> _Aim of the exercise_: Each line of the listing below, from the very first to the one that contains "#147=IFCMATERIALLAYER(#146,0.1001,$,$,$,$,$);", is to be retyped exactly as it stands.

> _Exercise data_:
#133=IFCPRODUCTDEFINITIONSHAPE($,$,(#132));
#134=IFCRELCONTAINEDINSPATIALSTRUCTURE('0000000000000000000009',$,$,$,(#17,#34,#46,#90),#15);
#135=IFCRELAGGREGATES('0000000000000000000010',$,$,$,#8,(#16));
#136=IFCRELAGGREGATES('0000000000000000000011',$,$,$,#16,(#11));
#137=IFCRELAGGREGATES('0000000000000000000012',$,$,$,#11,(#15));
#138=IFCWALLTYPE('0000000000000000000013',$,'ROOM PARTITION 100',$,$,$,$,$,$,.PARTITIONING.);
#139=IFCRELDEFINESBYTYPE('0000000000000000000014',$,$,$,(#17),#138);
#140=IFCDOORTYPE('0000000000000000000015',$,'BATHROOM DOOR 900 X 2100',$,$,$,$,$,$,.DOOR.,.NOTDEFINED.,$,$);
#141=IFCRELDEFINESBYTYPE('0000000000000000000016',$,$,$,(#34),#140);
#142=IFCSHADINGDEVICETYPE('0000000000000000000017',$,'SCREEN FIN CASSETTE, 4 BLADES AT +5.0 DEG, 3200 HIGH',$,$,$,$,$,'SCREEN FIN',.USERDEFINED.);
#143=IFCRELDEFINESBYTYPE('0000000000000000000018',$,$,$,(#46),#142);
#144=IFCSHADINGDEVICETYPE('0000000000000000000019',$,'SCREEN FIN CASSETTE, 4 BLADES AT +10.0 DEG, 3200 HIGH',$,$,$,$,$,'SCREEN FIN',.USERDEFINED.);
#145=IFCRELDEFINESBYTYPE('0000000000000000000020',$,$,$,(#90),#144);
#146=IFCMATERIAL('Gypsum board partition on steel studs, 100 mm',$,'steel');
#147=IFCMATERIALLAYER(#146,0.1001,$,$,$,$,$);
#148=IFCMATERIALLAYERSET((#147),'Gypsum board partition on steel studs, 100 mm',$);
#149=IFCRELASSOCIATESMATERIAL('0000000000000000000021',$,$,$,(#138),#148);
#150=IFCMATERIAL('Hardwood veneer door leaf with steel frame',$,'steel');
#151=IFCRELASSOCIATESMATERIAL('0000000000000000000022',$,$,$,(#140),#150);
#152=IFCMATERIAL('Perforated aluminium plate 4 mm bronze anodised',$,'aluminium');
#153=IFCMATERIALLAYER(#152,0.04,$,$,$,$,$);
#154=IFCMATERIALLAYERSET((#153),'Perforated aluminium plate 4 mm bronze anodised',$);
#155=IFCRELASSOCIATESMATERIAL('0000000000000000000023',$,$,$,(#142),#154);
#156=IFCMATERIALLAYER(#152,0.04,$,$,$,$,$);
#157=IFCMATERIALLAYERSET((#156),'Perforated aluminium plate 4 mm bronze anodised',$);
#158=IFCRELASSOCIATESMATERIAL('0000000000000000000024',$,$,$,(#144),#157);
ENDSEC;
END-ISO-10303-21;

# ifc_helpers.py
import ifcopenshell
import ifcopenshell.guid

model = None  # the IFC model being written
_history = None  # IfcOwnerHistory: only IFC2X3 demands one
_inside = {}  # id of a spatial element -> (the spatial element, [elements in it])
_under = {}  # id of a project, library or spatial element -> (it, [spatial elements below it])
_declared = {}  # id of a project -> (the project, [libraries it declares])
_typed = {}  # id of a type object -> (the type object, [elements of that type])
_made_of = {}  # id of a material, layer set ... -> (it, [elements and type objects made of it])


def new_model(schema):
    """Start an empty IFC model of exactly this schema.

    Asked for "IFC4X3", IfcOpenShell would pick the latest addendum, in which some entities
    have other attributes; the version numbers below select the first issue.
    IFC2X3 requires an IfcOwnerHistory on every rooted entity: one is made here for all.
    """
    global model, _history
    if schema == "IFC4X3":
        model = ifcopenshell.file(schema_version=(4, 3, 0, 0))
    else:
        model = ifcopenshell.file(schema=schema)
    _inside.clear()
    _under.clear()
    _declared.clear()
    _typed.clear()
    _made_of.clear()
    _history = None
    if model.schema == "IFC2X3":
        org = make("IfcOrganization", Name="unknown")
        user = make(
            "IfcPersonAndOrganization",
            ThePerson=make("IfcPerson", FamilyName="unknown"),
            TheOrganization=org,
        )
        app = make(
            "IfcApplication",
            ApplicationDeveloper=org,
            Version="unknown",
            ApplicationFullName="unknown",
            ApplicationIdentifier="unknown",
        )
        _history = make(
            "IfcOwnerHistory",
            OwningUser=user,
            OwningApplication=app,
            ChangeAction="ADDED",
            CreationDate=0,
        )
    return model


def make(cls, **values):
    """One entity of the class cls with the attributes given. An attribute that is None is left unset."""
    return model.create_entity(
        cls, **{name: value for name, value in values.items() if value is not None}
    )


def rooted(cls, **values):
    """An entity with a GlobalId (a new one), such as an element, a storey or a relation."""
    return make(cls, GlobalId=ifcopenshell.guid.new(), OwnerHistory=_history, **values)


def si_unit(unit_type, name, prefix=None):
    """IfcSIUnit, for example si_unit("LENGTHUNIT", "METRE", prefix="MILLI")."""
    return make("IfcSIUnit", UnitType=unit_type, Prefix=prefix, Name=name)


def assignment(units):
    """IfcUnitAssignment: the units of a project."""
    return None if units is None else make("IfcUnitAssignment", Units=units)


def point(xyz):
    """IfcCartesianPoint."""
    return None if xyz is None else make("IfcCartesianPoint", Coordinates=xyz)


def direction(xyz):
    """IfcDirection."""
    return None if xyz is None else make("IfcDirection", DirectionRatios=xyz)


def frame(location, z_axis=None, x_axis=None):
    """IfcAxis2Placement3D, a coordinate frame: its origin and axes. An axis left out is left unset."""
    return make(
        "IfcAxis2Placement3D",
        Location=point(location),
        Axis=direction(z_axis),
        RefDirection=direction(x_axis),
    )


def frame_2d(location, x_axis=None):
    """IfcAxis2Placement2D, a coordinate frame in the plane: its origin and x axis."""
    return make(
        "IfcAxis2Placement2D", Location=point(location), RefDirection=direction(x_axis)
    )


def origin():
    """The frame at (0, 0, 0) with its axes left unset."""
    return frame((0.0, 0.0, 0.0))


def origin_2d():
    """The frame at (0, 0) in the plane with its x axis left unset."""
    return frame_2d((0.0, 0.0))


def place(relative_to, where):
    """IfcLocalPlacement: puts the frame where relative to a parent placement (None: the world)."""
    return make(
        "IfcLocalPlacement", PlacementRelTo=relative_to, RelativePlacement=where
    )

> _Output of the exercise_:
#133=IFCPRODUCTDEFINITIONSHAPE($,$,(#132));
#134=IFCRELCONTAINEDINSPATIALSTRUCTURE('0000000000000000000009',$,$,$,(#17,#34,#46,#90),#15);
#135=IFCRELAGGREGATES('0000000000000000000010',$,$,$,#8,(#16));
#136=IFCRELAGGREGATES('0000000000000000000011',$,$,$,#16,(#11));
#137=IFCRELAGGREGATES('0000000000000000000012',$,$,$,#11,(#15));
#138=IFCWALLTYPE('0000000000000000000013',$,'ROOM PARTITION 100',$,$,$,$,$,$,.PARTITIONING.);
#139=IFCRELDEFINESBYTYPE('0000000000000000000014',$,$,$,(#17),#138);
#140=IFCDOORTYPE('0000000000000000000015',$,'BATHROOM DOOR 900 X 2100',$,$,$,$,$,$,.DOOR.,.NOTDEFINED.,$,$);
#141=IFCRELDEFINESBYTYPE('0000000000000000000016',$,$,$,(#34),#140);
#142=IFCSHADINGDEVICETYPE('0000000000000000000017',$,'SCREEN FIN CASSETTE, 4 BLADES AT +5.0 DEG, 3200 HIGH',$,$,$,$,$,'SCREEN FIN',.USERDEFINED.);
#143=IFCRELDEFINESBYTYPE('0000000000000000000018',$,$,$,(#46),#142);
#144=IFCSHADINGDEVICETYPE('0000000000000000000019',$,'SCREEN FIN CASSETTE, 4 BLADES AT +10.0 DEG, 3200 HIGH',$,$,$,$,$,'SCREEN FIN',.USERDEFINED.);
#145=IFCRELDEFINESBYTYPE('0000000000000000000020',$,$,$,(#90),#144);
#146=IFCMATERIAL('Gypsum board partition on steel studs, 100 mm',$,'steel');
#147=IFCMATERIALLAYER(#146,0.1001,$,$,$,$,$);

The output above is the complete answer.